*WORK REQUIRED*
Look through the records, and whenever a line includes the word "frame", copy it.

*EXERCISE DATA*

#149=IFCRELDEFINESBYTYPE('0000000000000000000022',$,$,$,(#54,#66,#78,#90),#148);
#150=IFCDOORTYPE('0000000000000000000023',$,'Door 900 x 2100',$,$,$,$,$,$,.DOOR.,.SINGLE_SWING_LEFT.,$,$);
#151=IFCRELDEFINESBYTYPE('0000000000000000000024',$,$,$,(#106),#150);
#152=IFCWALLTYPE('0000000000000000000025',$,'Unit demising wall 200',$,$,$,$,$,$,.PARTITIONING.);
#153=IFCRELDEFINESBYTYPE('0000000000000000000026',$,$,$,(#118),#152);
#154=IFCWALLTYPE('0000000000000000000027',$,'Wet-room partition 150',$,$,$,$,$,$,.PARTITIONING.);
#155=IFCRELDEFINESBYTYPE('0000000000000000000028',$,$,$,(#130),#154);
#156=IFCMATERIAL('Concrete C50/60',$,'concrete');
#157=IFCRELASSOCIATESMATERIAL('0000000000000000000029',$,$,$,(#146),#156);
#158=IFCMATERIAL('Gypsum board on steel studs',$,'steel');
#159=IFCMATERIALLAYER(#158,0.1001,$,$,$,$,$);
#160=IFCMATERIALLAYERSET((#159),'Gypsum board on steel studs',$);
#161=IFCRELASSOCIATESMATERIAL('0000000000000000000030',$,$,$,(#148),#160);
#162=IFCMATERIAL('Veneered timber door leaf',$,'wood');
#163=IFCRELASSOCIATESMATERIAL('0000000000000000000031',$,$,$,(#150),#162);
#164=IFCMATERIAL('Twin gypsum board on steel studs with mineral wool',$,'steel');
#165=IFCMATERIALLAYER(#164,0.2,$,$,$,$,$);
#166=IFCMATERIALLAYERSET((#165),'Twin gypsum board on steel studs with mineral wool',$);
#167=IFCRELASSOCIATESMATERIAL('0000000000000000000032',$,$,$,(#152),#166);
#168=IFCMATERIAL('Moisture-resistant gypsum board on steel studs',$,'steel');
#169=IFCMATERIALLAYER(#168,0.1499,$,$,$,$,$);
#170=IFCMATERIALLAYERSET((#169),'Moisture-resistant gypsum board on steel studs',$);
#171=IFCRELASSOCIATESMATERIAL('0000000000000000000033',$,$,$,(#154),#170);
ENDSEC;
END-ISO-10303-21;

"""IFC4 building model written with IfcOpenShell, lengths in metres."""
...
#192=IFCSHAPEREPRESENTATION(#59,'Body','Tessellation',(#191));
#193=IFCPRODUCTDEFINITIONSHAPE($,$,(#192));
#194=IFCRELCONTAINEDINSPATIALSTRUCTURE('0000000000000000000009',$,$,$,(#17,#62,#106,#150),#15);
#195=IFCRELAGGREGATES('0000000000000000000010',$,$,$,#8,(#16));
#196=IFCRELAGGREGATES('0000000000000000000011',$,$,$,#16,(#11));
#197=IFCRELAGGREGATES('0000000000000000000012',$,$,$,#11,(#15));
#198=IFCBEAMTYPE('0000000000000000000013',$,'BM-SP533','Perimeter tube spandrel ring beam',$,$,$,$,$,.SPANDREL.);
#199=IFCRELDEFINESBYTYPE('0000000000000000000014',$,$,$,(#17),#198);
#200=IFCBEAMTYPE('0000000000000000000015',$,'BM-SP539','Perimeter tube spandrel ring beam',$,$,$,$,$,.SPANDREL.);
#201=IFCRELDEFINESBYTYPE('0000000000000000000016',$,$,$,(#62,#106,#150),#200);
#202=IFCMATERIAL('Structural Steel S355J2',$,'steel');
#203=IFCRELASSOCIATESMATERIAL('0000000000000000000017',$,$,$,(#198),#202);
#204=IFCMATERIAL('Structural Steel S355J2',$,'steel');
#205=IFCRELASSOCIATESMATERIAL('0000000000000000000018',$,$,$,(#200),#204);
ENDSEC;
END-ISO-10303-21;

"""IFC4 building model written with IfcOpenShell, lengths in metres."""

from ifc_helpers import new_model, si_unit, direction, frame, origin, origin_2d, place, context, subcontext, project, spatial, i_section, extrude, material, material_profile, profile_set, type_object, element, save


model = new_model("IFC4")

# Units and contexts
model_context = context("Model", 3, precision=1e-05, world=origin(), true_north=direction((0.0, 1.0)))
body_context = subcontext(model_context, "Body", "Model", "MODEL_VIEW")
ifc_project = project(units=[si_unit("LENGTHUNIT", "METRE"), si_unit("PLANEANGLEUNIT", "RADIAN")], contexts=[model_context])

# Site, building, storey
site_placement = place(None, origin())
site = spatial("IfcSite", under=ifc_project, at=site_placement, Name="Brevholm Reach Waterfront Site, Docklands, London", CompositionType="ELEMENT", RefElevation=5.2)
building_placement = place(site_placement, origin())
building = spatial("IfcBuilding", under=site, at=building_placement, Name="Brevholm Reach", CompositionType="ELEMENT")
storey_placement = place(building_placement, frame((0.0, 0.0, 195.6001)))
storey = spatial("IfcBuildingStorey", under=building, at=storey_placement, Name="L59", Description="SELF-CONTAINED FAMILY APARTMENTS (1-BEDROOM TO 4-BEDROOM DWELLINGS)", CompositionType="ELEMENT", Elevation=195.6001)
==
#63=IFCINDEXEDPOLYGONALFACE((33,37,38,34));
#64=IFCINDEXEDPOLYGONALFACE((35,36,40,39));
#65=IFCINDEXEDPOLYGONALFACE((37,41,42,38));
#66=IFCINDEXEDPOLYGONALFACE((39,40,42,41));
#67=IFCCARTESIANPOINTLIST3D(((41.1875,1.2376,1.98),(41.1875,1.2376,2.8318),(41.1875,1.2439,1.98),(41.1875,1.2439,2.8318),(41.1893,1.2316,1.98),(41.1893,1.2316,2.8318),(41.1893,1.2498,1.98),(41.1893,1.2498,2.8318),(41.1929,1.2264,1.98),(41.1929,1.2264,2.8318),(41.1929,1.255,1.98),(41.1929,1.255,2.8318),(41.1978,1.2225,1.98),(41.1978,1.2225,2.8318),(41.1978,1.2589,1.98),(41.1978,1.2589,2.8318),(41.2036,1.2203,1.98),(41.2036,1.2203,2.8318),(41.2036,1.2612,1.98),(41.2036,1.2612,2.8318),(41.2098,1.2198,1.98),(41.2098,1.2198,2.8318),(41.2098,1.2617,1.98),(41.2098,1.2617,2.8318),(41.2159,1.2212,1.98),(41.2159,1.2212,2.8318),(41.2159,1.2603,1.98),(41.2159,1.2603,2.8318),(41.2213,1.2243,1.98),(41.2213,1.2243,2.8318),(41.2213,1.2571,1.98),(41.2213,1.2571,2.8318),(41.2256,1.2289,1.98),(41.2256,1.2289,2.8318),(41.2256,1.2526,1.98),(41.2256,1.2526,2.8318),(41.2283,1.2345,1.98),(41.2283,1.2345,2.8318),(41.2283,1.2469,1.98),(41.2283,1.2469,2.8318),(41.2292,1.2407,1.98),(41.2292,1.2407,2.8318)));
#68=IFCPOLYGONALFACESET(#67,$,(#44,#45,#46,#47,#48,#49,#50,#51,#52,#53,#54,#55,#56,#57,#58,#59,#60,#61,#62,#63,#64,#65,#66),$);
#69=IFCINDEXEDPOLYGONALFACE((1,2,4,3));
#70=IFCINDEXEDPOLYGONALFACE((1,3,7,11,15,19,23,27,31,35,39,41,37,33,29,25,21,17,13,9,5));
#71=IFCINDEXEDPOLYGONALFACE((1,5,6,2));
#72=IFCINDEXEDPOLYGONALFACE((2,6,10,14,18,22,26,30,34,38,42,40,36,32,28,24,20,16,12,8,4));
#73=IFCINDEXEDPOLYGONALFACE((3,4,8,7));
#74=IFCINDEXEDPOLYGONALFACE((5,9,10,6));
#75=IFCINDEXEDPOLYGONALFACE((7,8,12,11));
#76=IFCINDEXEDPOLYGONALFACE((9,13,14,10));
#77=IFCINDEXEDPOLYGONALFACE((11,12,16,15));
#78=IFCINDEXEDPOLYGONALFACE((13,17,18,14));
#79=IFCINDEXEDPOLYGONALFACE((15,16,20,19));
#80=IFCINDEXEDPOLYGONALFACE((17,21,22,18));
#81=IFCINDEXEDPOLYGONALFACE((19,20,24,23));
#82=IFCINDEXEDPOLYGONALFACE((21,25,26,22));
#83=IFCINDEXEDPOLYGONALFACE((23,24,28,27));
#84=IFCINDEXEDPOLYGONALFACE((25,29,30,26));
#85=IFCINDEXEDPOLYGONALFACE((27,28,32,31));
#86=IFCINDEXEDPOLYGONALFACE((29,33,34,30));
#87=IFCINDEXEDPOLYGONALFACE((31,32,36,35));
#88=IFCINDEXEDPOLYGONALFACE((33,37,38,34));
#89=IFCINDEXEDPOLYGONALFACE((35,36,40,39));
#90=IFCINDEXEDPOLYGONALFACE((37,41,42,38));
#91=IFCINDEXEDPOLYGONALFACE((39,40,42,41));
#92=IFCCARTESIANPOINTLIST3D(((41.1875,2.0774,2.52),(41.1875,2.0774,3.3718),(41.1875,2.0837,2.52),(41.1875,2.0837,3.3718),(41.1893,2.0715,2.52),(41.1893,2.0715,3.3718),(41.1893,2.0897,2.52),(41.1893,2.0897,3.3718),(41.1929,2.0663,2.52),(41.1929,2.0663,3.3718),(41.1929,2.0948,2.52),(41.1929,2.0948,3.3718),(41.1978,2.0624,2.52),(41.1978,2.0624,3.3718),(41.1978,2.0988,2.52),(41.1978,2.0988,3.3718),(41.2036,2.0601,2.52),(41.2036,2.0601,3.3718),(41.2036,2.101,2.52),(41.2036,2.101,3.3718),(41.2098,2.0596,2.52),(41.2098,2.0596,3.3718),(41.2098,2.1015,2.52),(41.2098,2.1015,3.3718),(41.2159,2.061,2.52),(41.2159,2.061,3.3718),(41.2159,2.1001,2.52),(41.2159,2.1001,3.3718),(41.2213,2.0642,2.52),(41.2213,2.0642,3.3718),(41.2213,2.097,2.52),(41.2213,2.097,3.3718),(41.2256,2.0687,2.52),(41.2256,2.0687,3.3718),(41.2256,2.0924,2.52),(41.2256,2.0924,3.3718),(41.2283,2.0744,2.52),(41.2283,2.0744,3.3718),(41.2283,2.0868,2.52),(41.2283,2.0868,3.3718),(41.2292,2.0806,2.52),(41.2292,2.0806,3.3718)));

*RESPONSE TO THE EXERCISE*
from ifc_helpers import new_model, si_unit, direction, frame, origin, origin_2d, place, context, subcontext, project, spatial, i_section, extrude, material, material_profile, profile_set, type_object, element, save
storey_placement = place(building_placement, frame((0.0, 0.0, 195.6001)))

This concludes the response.